DESCRIPTION OF THE TASK: Repeat exactly the lines from the first line of the records through the line containing "#172=IFCPRODUCTDEFINITIONSHAPE($,$,(#171));", and nothing more.

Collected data
┌──

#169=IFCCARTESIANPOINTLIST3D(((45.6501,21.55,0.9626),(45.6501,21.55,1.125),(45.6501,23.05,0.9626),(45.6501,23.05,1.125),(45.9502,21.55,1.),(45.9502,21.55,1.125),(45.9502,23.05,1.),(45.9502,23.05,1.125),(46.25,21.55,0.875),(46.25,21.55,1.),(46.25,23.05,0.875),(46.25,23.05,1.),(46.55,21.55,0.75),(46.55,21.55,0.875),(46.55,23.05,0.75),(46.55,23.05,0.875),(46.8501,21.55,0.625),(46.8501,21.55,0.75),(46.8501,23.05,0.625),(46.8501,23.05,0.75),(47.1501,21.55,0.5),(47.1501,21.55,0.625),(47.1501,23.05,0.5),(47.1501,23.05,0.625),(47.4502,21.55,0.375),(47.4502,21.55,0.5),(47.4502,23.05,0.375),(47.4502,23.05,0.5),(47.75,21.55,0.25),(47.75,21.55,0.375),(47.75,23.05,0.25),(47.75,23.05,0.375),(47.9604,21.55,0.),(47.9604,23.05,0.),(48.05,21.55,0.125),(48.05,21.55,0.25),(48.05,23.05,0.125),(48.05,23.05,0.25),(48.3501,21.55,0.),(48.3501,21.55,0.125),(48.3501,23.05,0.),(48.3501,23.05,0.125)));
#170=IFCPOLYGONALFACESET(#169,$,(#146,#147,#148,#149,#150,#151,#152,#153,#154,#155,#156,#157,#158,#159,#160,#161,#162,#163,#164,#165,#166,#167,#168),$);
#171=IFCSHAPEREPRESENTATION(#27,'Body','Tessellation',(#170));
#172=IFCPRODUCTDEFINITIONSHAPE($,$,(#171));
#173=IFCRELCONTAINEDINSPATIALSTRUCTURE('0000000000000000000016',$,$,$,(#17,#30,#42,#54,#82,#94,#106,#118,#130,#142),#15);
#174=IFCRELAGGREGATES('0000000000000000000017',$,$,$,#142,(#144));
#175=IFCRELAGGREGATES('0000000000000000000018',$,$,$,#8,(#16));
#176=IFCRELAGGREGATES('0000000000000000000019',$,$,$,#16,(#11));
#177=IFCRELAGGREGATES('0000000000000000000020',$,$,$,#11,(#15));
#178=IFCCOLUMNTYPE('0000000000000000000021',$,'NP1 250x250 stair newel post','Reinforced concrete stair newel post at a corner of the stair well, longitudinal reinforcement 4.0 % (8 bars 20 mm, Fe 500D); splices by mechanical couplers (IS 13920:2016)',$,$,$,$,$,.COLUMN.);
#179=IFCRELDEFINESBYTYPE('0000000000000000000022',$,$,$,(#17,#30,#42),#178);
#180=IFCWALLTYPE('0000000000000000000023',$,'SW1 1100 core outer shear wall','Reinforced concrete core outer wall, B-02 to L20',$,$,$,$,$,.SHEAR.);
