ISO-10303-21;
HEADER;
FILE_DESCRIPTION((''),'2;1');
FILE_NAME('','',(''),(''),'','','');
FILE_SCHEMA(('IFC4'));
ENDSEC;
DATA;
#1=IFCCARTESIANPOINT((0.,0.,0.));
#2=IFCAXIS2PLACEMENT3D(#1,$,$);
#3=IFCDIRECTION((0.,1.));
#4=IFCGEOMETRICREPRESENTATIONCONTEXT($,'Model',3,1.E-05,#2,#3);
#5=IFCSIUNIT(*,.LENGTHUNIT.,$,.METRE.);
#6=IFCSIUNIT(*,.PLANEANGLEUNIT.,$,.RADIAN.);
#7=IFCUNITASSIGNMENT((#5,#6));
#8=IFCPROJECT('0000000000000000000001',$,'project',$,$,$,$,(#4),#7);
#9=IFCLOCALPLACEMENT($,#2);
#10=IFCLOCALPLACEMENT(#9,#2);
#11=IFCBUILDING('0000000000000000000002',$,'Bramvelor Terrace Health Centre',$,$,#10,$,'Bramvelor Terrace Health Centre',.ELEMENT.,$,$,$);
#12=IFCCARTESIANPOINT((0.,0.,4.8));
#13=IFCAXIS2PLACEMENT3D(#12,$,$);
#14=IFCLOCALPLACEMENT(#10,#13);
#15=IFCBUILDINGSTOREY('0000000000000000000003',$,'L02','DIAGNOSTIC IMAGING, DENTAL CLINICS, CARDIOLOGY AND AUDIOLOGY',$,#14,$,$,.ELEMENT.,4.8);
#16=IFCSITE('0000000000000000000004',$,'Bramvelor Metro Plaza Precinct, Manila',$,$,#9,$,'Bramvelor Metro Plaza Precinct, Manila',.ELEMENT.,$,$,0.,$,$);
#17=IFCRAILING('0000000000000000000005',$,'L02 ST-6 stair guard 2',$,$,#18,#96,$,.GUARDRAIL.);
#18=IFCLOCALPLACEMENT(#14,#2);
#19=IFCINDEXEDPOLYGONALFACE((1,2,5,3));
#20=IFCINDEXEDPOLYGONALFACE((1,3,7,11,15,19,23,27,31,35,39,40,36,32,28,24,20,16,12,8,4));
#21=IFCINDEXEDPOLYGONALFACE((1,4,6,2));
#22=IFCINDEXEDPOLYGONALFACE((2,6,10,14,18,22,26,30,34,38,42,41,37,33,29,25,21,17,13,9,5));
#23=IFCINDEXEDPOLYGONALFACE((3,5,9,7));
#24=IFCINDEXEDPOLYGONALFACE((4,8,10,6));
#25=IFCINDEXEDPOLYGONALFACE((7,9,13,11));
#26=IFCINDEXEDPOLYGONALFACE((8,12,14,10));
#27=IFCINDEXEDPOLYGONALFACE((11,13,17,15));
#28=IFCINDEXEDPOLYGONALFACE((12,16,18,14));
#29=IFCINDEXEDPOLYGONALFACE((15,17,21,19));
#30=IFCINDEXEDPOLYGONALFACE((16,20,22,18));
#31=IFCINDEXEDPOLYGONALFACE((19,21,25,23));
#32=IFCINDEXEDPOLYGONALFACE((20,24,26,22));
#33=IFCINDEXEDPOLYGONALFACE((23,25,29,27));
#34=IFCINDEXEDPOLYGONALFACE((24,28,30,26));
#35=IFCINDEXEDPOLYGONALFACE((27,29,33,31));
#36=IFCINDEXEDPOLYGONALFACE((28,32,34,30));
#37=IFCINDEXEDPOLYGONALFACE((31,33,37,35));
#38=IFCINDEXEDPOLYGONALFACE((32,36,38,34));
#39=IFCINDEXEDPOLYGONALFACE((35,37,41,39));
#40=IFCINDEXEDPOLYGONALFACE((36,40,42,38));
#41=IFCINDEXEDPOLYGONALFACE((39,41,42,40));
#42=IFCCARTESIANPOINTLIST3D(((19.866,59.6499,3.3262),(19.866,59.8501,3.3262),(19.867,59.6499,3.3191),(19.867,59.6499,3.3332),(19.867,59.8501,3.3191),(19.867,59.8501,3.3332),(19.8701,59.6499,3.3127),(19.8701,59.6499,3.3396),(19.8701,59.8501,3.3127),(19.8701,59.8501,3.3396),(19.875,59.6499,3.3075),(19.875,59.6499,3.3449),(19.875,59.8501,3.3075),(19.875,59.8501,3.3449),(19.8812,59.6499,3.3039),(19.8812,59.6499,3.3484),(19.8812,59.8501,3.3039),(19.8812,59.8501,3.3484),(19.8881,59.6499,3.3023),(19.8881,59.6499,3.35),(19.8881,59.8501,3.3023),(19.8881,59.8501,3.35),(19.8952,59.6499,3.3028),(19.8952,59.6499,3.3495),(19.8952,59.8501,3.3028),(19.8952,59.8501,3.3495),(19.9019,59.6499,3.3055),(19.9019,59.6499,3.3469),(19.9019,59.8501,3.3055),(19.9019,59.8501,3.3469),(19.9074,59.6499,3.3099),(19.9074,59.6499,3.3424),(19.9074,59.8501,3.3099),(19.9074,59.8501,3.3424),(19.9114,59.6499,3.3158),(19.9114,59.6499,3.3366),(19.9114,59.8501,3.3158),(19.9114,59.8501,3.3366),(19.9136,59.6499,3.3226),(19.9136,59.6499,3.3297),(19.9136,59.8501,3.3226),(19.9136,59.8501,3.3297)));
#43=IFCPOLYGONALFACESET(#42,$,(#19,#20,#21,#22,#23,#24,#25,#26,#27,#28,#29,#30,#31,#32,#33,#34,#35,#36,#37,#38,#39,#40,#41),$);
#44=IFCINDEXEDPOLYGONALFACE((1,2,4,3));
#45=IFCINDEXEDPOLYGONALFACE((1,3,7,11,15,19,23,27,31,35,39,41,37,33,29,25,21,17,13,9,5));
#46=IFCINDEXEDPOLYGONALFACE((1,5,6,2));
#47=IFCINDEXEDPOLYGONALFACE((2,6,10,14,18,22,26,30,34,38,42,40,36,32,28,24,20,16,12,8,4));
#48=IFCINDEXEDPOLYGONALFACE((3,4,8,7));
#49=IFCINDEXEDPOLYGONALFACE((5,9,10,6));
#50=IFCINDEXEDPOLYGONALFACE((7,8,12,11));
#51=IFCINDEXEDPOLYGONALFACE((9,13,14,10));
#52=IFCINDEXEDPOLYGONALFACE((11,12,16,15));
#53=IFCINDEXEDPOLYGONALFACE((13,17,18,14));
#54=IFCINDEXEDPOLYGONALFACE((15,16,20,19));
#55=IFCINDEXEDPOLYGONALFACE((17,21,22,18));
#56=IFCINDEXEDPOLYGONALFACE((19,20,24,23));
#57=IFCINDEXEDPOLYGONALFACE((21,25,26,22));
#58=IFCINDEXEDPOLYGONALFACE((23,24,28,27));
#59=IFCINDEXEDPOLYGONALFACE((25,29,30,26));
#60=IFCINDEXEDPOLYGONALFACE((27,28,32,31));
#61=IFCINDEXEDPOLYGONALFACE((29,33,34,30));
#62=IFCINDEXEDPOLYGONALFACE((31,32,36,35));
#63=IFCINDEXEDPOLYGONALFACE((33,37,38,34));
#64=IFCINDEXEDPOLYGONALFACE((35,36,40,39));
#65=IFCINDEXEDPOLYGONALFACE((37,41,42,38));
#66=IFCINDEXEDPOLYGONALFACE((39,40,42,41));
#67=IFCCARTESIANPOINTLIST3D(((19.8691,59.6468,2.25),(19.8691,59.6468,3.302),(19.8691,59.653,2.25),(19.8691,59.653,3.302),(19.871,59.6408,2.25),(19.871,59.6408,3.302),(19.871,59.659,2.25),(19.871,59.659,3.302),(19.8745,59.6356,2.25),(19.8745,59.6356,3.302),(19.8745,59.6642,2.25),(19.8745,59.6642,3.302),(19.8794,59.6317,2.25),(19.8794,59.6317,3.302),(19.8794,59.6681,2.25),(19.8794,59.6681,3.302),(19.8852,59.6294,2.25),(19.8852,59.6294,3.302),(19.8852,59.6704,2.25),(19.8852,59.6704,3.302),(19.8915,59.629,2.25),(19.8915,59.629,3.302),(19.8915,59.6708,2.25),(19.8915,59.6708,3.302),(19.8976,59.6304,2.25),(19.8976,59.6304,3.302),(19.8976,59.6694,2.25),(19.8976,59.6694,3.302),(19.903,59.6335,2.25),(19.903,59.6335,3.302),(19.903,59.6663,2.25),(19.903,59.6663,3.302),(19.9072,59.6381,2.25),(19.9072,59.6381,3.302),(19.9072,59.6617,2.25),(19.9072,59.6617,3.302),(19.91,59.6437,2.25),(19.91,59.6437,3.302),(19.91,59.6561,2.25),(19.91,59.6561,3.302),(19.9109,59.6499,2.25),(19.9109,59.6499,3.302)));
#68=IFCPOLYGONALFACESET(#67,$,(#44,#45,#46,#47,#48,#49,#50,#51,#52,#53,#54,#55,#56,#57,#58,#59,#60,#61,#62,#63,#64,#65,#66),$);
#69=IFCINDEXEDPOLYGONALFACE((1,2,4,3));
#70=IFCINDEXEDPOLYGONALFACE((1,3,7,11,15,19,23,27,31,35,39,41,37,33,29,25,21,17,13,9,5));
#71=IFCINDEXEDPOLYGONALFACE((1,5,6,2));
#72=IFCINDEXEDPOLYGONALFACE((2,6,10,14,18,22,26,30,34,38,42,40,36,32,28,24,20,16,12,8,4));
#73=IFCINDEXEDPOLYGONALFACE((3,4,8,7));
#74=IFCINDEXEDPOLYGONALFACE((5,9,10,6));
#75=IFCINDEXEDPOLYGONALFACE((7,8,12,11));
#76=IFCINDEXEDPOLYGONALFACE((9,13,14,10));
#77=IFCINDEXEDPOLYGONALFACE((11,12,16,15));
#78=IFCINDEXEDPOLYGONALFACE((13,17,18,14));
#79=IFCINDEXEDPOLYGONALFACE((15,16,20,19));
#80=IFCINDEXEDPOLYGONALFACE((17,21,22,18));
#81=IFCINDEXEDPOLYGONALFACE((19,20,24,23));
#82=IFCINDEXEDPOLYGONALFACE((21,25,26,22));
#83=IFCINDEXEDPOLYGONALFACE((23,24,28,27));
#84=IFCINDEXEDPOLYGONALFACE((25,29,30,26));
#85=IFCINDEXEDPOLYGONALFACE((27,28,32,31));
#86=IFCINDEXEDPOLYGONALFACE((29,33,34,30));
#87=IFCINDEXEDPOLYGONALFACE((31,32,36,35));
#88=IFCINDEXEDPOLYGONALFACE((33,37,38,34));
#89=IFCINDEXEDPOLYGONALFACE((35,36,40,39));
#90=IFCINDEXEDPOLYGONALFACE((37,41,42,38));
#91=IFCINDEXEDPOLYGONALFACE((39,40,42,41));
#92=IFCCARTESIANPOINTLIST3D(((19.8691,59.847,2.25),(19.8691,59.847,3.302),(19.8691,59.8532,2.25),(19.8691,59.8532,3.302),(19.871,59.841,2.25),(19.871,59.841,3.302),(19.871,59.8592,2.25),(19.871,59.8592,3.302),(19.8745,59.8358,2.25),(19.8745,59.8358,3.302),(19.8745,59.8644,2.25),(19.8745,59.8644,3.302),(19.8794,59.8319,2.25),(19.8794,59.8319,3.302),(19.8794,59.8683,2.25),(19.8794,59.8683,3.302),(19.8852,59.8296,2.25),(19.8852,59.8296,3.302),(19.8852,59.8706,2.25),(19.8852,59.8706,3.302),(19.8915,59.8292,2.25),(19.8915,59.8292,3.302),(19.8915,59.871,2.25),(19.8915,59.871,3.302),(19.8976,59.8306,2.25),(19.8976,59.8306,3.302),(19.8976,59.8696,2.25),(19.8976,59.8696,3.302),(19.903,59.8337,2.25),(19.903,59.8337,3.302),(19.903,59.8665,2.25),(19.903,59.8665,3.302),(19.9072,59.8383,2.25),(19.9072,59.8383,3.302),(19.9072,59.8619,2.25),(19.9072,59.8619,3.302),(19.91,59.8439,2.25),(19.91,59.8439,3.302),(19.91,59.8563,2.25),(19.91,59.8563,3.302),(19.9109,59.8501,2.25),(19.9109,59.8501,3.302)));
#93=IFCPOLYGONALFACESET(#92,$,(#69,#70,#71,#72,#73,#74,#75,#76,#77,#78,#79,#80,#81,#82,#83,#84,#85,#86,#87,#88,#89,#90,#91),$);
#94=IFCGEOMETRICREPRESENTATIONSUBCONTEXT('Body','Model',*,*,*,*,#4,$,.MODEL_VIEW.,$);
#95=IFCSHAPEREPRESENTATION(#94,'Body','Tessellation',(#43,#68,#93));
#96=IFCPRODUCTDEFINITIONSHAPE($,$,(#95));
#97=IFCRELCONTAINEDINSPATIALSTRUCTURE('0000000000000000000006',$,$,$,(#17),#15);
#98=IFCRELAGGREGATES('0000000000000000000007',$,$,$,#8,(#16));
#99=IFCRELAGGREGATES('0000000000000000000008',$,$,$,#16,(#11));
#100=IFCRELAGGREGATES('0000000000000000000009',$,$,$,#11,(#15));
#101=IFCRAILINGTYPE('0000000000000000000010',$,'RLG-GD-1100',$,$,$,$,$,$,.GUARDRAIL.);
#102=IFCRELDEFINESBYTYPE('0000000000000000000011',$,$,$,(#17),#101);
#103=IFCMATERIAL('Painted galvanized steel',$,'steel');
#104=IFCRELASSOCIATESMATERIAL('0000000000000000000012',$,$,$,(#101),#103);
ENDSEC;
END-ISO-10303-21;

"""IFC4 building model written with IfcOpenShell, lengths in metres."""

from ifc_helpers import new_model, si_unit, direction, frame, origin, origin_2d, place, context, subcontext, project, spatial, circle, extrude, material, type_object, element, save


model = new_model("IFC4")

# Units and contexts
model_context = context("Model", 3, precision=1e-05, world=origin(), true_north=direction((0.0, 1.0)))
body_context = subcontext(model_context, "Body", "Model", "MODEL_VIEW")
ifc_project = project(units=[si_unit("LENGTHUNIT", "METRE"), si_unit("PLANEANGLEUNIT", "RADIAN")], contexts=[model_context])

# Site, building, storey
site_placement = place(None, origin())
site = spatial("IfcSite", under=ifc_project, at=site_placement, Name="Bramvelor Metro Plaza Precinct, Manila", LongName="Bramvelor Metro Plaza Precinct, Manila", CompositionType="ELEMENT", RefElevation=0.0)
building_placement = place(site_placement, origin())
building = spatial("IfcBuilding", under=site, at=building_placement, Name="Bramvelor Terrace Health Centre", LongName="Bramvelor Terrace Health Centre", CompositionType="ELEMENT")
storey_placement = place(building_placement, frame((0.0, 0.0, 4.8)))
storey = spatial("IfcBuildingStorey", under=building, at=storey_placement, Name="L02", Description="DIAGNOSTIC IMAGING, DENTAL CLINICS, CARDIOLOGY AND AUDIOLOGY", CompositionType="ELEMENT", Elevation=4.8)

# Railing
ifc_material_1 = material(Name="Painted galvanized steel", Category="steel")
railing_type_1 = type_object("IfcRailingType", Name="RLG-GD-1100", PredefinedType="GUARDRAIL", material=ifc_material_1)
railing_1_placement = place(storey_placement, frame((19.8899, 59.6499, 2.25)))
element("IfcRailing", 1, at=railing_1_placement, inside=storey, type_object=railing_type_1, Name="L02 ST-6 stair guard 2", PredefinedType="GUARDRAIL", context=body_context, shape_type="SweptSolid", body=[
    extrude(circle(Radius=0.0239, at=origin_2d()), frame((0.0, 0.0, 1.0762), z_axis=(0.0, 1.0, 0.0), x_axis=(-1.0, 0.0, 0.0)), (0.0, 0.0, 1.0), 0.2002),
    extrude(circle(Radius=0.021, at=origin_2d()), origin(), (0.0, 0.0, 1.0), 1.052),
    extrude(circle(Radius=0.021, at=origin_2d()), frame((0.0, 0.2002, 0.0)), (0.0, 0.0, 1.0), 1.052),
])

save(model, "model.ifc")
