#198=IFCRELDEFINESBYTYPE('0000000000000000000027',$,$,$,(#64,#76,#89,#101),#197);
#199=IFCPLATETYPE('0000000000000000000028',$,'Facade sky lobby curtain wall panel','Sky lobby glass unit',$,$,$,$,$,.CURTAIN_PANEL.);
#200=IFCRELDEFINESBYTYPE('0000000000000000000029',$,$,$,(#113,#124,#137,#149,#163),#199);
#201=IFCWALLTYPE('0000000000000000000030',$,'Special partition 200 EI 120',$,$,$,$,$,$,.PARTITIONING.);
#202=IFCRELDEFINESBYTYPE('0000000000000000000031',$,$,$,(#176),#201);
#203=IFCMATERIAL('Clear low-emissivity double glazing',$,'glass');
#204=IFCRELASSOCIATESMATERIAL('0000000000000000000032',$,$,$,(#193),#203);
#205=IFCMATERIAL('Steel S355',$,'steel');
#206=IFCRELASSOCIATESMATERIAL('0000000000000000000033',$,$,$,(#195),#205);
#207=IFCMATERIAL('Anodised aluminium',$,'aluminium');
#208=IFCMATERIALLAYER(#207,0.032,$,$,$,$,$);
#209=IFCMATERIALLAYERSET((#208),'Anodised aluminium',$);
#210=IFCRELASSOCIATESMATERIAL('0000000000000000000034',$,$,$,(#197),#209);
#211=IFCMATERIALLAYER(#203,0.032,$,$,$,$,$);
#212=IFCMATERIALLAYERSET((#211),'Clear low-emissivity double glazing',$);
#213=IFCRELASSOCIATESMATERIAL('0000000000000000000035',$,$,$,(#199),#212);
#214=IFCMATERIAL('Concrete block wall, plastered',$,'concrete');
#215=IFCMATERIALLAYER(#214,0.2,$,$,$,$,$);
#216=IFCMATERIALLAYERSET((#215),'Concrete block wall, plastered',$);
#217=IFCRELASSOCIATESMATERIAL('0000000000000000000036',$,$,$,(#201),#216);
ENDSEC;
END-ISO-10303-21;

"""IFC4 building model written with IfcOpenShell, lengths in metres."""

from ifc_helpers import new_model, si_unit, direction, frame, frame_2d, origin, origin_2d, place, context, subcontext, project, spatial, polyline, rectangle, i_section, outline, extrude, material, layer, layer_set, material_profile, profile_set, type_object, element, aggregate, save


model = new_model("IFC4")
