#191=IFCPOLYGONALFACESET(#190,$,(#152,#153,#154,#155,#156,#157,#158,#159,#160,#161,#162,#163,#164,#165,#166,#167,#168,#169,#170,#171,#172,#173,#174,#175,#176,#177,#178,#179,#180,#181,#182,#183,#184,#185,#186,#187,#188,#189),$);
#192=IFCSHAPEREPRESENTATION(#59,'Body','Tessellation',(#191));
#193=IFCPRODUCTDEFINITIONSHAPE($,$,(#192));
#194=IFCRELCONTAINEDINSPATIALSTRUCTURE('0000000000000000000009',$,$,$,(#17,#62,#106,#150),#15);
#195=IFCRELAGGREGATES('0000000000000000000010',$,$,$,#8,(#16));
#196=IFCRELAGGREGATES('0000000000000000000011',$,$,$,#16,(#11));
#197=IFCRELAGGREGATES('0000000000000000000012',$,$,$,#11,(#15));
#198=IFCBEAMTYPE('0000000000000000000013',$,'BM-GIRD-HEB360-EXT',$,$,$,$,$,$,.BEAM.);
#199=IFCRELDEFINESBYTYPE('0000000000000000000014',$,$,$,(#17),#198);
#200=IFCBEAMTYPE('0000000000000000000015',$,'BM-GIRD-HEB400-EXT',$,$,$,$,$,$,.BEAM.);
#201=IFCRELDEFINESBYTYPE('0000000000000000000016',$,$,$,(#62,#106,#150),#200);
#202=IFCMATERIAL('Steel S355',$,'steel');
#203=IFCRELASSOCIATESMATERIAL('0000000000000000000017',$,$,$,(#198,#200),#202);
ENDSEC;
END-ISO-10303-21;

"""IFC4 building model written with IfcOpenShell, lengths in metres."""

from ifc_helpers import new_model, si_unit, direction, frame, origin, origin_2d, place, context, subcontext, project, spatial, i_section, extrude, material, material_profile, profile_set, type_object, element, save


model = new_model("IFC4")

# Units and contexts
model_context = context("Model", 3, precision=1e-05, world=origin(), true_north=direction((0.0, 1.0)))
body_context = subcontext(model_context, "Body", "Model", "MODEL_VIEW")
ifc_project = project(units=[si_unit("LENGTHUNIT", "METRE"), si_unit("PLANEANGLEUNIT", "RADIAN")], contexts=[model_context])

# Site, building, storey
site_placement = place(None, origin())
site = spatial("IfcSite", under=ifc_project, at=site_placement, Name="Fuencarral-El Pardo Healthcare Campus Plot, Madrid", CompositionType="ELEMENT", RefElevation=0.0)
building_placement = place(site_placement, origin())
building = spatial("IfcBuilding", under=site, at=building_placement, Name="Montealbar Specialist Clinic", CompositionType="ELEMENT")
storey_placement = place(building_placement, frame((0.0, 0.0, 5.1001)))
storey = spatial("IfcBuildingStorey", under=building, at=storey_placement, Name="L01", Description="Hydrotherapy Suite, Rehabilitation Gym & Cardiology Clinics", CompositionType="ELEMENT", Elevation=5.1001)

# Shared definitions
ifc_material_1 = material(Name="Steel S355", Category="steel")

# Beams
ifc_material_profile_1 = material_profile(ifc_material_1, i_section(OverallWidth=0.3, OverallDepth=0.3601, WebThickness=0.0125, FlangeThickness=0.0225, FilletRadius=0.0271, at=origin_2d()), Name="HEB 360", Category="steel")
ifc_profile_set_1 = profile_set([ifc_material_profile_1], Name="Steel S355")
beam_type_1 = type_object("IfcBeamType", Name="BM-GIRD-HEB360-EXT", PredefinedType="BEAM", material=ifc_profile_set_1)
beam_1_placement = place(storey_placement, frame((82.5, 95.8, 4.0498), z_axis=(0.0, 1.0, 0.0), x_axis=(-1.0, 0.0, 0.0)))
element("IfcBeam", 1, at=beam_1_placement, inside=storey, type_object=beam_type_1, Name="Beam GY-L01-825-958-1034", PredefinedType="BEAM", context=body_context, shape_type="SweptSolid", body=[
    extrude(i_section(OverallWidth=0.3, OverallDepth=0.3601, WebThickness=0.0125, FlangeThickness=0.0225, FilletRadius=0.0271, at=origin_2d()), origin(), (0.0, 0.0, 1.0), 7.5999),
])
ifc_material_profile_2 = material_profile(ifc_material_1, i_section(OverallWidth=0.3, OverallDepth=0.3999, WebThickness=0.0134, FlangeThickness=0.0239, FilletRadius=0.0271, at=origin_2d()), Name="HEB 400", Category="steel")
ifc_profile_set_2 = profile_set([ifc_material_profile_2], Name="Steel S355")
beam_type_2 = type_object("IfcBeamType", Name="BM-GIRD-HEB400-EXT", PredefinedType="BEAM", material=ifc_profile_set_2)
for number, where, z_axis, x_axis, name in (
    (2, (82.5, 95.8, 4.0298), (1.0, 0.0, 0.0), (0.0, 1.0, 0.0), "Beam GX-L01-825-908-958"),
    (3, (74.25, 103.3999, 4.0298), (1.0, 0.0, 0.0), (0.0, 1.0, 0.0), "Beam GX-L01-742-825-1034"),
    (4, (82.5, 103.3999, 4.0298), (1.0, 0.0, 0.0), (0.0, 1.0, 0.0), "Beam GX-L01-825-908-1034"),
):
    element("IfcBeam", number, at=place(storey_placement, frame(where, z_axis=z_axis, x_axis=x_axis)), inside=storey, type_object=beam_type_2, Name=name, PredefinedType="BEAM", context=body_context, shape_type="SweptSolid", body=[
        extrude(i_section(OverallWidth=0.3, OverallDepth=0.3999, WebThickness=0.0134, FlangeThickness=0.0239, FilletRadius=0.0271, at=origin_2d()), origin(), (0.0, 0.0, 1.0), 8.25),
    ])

└──

SOLUTION TO THIS PROBLEM:
#169=IFCCARTESIANPOINTLIST3D(((45.6501,21.55,0.9626),(45.6501,21.55,1.125),(45.6501,23.05,0.9626),(45.6501,23.05,1.125),(45.9502,21.55,1.),(45.9502,21.55,1.125),(45.9502,23.05,1.),(45.9502,23.05,1.125),(46.25,21.55,0.875),(46.25,21.55,1.),(46.25,23.05,0.875),(46.25,23.05,1.),(46.55,21.55,0.75),(46.55,21.55,0.875),(46.55,23.05,0.75),(46.55,23.05,0.875),(46.8501,21.55,0.625),(46.8501,21.55,0.75),(46.8501,23.05,0.625),(46.8501,23.05,0.75),(47.1501,21.55,0.5),(47.1501,21.55,0.625),(47.1501,23.05,0.5),(47.1501,23.05,0.625),(47.4502,21.55,0.375),(47.4502,21.55,0.5),(47.4502,23.05,0.375),(47.4502,23.05,0.5),(47.75,21.55,0.25),(47.75,21.55,0.375),(47.75,23.05,0.25),(47.75,23.05,0.375),(47.9604,21.55,0.),(47.9604,23.05,0.),(48.05,21.55,0.125),(48.05,21.55,0.25),(48.05,23.05,0.125),(48.05,23.05,0.25),(48.3501,21.55,0.),(48.3501,21.55,0.125),(48.3501,23.05,0.),(48.3501,23.05,0.125)));
#170=IFCPOLYGONALFACESET(#169,$,(#146,#147,#148,#149,#150,#151,#152,#153,#154,#155,#156,#157,#158,#159,#160,#161,#162,#163,#164,#165,#166,#167,#168),$);
#171=IFCSHAPEREPRESENTATION(#27,'Body','Tessellation',(#170));
#172=IFCPRODUCTDEFINITIONSHAPE($,$,(#171));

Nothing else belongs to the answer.